Work to complete ::
Your answer should consist of the complete listing, repeated verbatim.

Records shown ::

○ ○ ○ ○

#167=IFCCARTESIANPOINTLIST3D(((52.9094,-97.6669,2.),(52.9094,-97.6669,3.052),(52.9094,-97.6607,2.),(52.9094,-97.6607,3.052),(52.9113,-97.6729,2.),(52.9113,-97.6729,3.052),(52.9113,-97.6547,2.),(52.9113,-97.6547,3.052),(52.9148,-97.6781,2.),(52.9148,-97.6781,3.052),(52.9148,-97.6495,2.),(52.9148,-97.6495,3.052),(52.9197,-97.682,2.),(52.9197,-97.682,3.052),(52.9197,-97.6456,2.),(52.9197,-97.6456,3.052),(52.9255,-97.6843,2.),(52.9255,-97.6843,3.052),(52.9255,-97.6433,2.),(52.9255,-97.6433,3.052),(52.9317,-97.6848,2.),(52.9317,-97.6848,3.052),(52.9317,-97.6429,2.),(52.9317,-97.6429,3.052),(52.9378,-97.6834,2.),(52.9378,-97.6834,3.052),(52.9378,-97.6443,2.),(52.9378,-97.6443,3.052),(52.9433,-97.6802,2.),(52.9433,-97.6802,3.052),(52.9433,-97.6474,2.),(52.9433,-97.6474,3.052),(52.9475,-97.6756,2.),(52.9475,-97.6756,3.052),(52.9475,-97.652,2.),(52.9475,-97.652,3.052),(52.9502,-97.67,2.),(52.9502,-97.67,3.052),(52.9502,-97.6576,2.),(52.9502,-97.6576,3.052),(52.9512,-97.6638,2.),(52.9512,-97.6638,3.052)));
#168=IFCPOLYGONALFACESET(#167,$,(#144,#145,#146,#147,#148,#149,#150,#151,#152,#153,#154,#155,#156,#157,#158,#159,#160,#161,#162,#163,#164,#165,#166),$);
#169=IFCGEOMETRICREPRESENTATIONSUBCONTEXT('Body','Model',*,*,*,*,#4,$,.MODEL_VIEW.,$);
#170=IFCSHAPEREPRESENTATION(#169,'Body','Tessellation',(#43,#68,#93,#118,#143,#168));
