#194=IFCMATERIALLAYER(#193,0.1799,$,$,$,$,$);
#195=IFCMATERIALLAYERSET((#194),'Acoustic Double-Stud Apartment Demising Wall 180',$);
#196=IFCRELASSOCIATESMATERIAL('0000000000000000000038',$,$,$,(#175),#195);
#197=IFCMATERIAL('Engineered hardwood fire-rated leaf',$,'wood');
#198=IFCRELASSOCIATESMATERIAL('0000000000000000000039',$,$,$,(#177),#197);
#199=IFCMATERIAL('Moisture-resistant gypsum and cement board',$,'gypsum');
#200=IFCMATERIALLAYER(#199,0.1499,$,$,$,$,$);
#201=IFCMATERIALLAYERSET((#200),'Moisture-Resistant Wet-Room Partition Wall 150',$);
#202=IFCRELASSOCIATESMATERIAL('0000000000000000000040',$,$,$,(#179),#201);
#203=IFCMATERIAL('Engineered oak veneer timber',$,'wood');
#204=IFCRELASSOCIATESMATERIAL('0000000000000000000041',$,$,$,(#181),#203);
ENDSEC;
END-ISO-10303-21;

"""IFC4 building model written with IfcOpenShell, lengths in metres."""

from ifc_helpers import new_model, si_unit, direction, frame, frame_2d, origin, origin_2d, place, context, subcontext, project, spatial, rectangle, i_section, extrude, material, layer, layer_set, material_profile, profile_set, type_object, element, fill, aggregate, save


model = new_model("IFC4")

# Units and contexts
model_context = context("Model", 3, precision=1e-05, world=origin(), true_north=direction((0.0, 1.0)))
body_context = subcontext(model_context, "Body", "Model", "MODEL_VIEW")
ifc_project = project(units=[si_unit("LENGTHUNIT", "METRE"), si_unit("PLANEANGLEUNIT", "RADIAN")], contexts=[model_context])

○ ○ ○ ○

Expected output ::
#167=IFCCARTESIANPOINTLIST3D(((52.9094,-97.6669,2.),(52.9094,-97.6669,3.052),(52.9094,-97.6607,2.),(52.9094,-97.6607,3.052),(52.9113,-97.6729,2.),(52.9113,-97.6729,3.052),(52.9113,-97.6547,2.),(52.9113,-97.6547,3.052),(52.9148,-97.6781,2.),(52.9148,-97.6781,3.052),(52.9148,-97.6495,2.),(52.9148,-97.6495,3.052),(52.9197,-97.682,2.),(52.9197,-97.682,3.052),(52.9197,-97.6456,2.),(52.9197,-97.6456,3.052),(52.9255,-97.6843,2.),(52.9255,-97.6843,3.052),(52.9255,-97.6433,2.),(52.9255,-97.6433,3.052),(52.9317,-97.6848,2.),(52.9317,-97.6848,3.052),(52.9317,-97.6429,2.),(52.9317,-97.6429,3.052),(52.9378,-97.6834,2.),(52.9378,-97.6834,3.052),(52.9378,-97.6443,2.),(52.9378,-97.6443,3.052),(52.9433,-97.6802,2.),(52.9433,-97.6802,3.052),(52.9433,-97.6474,2.),(52.9433,-97.6474,3.052),(52.9475,-97.6756,2.),(52.9475,-97.6756,3.052),(52.9475,-97.652,2.),(52.9475,-97.652,3.052),(52.9502,-97.67,2.),(52.9502,-97.67,3.052),(52.9502,-97.6576,2.),(52.9502,-97.6576,3.052),(52.9512,-97.6638,2.),(52.9512,-97.6638,3.052)));
#168=IFCPOLYGONALFACESET(#167,$,(#144,#145,#146,#147,#148,#149,#150,#151,#152,#153,#154,#155,#156,#157,#158,#159,#160,#161,#162,#163,#164,#165,#166),$);
#169=IFCGEOMETRICREPRESENTATIONSUBCONTEXT('Body','Model',*,*,*,*,#4,$,.MODEL_VIEW.,$);
#170=IFCSHAPEREPRESENTATION(#169,'Body','Tessellation',(#43,#68,#93,#118,#143,#168));
#194=IFCMATERIALLAYER(#193,0.1799,$,$,$,$,$);
#195=IFCMATERIALLAYERSET((#194),'Acoustic Double-Stud Apartment Demising Wall 180',$);
#196=IFCRELASSOCIATESMATERIAL('0000000000000000000038',$,$,$,(#175),#195);
#197=IFCMATERIAL('Engineered hardwood fire-rated leaf',$,'wood');
#198=IFCRELASSOCIATESMATERIAL('0000000000000000000039',$,$,$,(#177),#197);
#199=IFCMATERIAL('Moisture-resistant gypsum and cement board',$,'gypsum');
#200=IFCMATERIALLAYER(#199,0.1499,$,$,$,$,$);
#201=IFCMATERIALLAYERSET((#200),'Moisture-Resistant Wet-Room Partition Wall 150',$);
#202=IFCRELASSOCIATESMATERIAL('0000000000000000000040',$,$,$,(#179),#201);
#203=IFCMATERIAL('Engineered oak veneer timber',$,'wood');
#204=IFCRELASSOCIATESMATERIAL('0000000000000000000041',$,$,$,(#181),#203);
ENDSEC;
END-ISO-10303-21;

"""IFC4 building model written with IfcOpenShell, lengths in metres."""

from ifc_helpers import new_model, si_unit, direction, frame, frame_2d, origin, origin_2d, place, context, subcontext, project, spatial, rectangle, i_section, extrude, material, layer, layer_set, material_profile, profile_set, type_object, element, fill, aggregate, save


model = new_model("IFC4")

# Units and contexts
model_context = context("Model", 3, precision=1e-05, world=origin(), true_north=direction((0.0, 1.0)))
body_context = subcontext(model_context, "Body", "Model", "MODEL_VIEW")
ifc_project = project(units=[si_unit("LENGTHUNIT", "METRE"), si_unit("PLANEANGLEUNIT", "RADIAN")], contexts=[model_context])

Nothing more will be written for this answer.